Stored data entries:
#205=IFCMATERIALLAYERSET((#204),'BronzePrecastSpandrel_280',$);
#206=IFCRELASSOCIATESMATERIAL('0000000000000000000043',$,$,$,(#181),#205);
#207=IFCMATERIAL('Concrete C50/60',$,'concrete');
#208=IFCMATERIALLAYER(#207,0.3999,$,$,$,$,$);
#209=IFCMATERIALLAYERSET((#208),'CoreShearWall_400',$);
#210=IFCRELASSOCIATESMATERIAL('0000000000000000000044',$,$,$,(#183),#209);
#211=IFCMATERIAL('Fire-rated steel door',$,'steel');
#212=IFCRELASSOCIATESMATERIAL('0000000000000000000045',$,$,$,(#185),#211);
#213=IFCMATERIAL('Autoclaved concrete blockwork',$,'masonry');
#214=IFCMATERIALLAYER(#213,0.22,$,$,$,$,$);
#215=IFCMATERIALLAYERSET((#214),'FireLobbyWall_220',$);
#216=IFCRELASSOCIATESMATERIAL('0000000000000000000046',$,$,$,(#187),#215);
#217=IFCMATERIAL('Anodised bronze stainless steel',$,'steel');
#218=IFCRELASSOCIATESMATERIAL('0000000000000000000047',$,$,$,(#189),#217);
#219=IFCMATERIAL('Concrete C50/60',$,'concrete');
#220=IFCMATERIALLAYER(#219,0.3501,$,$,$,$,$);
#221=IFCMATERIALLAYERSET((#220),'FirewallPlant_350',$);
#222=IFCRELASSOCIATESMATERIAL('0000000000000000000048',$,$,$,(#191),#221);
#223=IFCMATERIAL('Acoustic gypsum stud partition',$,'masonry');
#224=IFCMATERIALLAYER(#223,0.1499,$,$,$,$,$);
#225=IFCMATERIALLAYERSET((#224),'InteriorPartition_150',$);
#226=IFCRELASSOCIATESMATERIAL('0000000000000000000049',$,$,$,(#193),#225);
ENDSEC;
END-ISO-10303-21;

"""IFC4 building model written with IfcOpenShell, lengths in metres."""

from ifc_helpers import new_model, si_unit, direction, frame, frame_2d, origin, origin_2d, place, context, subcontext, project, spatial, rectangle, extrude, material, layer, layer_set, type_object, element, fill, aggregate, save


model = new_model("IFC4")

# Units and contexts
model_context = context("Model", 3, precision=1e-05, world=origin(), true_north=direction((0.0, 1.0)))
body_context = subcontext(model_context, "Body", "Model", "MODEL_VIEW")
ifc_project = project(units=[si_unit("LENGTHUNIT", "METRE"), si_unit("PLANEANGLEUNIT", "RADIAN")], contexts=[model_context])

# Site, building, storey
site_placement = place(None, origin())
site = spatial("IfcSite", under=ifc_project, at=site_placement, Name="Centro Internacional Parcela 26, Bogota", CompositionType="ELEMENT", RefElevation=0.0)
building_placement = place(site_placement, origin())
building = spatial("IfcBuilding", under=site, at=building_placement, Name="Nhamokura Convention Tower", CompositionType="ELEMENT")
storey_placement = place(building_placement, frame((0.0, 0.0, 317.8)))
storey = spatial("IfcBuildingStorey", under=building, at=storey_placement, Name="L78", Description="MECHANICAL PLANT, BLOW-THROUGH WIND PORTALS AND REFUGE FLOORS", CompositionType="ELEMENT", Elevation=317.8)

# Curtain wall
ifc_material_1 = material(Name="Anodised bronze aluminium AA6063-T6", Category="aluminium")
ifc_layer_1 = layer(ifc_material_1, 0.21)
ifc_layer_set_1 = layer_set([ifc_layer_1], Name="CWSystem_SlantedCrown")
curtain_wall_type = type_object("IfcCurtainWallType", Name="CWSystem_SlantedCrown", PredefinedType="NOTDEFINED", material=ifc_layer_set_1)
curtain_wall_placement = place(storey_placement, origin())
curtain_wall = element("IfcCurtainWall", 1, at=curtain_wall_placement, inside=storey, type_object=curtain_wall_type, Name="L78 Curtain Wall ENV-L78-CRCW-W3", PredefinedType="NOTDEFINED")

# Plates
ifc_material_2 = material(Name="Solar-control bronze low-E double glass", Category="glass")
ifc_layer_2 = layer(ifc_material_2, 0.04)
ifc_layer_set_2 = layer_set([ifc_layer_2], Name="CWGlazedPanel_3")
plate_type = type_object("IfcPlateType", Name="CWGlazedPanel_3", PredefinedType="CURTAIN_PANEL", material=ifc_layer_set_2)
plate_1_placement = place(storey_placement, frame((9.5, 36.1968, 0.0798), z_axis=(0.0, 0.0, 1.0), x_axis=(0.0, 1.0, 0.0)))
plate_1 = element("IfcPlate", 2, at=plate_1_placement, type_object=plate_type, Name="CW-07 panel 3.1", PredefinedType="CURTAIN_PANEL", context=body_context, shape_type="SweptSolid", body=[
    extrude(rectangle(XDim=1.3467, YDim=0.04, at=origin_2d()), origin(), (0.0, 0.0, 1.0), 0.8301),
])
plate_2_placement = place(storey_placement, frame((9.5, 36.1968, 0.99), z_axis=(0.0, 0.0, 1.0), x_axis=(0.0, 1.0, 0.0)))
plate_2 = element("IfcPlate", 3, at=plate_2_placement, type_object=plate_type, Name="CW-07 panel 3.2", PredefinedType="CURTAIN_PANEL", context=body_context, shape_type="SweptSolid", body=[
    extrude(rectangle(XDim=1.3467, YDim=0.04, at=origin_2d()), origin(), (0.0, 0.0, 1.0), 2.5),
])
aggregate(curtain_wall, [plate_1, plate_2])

---

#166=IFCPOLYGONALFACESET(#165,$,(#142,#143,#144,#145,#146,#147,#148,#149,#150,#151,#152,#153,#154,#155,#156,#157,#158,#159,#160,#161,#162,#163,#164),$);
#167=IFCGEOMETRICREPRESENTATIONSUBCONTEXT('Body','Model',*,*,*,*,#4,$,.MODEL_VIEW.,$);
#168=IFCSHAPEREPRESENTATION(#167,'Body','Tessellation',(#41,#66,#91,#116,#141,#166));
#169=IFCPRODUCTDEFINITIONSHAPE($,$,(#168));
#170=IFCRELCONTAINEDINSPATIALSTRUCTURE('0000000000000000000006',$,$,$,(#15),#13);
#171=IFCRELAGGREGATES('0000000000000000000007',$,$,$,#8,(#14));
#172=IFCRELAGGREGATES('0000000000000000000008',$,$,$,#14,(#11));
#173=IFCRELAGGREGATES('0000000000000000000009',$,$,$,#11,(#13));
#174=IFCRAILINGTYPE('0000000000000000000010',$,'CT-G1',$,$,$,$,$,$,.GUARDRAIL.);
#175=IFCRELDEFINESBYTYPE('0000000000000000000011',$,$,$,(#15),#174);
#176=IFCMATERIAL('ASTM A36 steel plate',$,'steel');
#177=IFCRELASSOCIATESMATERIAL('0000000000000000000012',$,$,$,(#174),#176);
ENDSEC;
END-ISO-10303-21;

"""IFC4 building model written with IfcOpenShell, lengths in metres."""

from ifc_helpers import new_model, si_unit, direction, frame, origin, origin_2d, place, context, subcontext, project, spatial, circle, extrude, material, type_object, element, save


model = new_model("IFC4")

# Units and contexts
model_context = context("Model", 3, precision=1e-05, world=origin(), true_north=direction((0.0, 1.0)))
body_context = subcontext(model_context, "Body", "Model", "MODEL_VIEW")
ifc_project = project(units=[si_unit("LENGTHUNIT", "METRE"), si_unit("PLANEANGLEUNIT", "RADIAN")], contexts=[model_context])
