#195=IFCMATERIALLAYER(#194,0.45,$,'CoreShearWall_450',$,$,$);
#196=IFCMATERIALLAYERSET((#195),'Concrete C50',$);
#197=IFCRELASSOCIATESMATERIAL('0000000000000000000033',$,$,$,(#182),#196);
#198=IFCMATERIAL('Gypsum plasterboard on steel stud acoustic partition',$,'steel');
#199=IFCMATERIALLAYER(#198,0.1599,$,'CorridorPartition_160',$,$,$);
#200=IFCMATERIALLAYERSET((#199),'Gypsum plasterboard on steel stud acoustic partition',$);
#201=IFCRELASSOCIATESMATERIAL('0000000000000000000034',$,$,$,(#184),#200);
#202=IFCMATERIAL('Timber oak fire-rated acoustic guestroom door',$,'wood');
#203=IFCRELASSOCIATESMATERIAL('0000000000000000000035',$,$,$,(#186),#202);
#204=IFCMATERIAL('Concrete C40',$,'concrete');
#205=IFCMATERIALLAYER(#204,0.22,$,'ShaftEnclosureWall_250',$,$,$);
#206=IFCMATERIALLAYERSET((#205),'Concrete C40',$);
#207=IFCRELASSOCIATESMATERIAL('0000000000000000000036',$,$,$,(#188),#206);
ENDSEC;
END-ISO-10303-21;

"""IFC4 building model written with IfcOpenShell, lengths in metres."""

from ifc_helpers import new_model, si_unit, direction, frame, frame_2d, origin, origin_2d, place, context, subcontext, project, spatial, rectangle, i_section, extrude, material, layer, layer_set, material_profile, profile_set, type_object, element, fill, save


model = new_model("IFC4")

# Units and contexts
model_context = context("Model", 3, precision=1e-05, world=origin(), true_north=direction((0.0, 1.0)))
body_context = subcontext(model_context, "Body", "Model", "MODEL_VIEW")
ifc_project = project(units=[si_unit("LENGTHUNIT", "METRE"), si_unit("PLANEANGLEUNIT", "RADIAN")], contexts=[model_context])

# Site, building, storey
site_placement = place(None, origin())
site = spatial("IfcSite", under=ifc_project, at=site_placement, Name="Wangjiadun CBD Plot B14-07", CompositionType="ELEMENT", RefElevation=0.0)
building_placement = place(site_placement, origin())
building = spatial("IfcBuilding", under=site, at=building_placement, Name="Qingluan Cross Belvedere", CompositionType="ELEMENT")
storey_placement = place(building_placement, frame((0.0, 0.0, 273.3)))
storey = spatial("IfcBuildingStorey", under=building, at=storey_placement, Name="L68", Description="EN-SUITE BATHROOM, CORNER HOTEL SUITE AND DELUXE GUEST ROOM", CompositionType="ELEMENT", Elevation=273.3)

--

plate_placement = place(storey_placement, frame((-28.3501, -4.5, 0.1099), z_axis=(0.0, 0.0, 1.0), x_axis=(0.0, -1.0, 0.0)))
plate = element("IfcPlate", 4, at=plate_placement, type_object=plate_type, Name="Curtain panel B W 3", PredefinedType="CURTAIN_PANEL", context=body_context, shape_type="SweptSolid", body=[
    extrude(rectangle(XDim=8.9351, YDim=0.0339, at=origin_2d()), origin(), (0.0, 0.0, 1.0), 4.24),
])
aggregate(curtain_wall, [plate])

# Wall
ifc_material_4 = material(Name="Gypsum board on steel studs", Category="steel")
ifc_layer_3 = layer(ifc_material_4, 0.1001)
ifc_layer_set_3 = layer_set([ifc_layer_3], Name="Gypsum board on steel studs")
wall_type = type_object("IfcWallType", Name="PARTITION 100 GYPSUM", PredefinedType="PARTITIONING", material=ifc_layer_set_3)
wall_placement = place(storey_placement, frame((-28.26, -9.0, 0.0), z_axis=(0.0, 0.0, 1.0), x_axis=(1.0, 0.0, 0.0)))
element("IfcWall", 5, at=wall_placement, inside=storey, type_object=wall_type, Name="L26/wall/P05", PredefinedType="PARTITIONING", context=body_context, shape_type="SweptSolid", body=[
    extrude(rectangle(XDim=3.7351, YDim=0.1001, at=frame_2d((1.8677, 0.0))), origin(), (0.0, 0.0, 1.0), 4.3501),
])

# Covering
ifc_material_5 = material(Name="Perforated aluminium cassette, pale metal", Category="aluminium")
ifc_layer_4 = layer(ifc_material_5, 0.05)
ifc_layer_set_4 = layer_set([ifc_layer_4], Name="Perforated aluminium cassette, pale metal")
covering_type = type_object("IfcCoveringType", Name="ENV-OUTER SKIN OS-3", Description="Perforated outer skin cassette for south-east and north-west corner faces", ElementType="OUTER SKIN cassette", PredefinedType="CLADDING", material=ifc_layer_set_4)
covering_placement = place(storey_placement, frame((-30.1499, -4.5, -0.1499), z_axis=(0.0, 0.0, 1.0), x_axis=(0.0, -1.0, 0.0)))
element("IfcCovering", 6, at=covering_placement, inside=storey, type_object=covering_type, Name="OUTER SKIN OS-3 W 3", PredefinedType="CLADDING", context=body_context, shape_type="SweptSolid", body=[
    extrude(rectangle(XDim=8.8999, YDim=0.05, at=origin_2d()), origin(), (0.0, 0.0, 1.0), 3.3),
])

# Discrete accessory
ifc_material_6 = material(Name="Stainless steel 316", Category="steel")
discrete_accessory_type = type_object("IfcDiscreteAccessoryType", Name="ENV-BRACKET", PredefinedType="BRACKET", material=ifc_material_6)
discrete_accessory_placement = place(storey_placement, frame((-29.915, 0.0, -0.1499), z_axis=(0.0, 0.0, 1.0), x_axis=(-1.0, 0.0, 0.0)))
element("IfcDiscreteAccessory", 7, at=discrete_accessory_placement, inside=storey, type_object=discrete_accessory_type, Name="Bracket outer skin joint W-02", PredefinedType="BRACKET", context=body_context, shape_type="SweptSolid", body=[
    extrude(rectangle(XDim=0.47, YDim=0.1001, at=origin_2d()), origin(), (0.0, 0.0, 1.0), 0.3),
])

Your instructions
Looking at the data above, return every line from the one with "0.1099), z_axis=(0.0, 0.0, 1.0), x_axis=(0.0, -1.0, 0.0)))" down to the one with "# Discrete accessory", exactly and inclusively.

Answer to this exercise
plate_placement = place(storey_placement, frame((-28.3501, -4.5, 0.1099), z_axis=(0.0, 0.0, 1.0), x_axis=(0.0, -1.0, 0.0)))
plate = element("IfcPlate", 4, at=plate_placement, type_object=plate_type, Name="Curtain panel B W 3", PredefinedType="CURTAIN_PANEL", context=body_context, shape_type="SweptSolid", body=[
    extrude(rectangle(XDim=8.9351, YDim=0.0339, at=origin_2d()), origin(), (0.0, 0.0, 1.0), 4.24),
])
aggregate(curtain_wall, [plate])

# Wall
ifc_material_4 = material(Name="Gypsum board on steel studs", Category="steel")
ifc_layer_3 = layer(ifc_material_4, 0.1001)
ifc_layer_set_3 = layer_set([ifc_layer_3], Name="Gypsum board on steel studs")
wall_type = type_object("IfcWallType", Name="PARTITION 100 GYPSUM", PredefinedType="PARTITIONING", material=ifc_layer_set_3)
wall_placement = place(storey_placement, frame((-28.26, -9.0, 0.0), z_axis=(0.0, 0.0, 1.0), x_axis=(1.0, 0.0, 0.0)))
element("IfcWall", 5, at=wall_placement, inside=storey, type_object=wall_type, Name="L26/wall/P05", PredefinedType="PARTITIONING", context=body_context, shape_type="SweptSolid", body=[
    extrude(rectangle(XDim=3.7351, YDim=0.1001, at=frame_2d((1.8677, 0.0))), origin(), (0.0, 0.0, 1.0), 4.3501),
])

# Covering
ifc_material_5 = material(Name="Perforated aluminium cassette, pale metal", Category="aluminium")
ifc_layer_4 = layer(ifc_material_5, 0.05)
ifc_layer_set_4 = layer_set([ifc_layer_4], Name="Perforated aluminium cassette, pale metal")
covering_type = type_object("IfcCoveringType", Name="ENV-OUTER SKIN OS-3", Description="Perforated outer skin cassette for south-east and north-west corner faces", ElementType="OUTER SKIN cassette", PredefinedType="CLADDING", material=ifc_layer_set_4)
covering_placement = place(storey_placement, frame((-30.1499, -4.5, -0.1499), z_axis=(0.0, 0.0, 1.0), x_axis=(0.0, -1.0, 0.0)))
element("IfcCovering", 6, at=covering_placement, inside=storey, type_object=covering_type, Name="OUTER SKIN OS-3 W 3", PredefinedType="CLADDING", context=body_context, shape_type="SweptSolid", body=[
    extrude(rectangle(XDim=8.8999, YDim=0.05, at=origin_2d()), origin(), (0.0, 0.0, 1.0), 3.3),
])

# Discrete accessory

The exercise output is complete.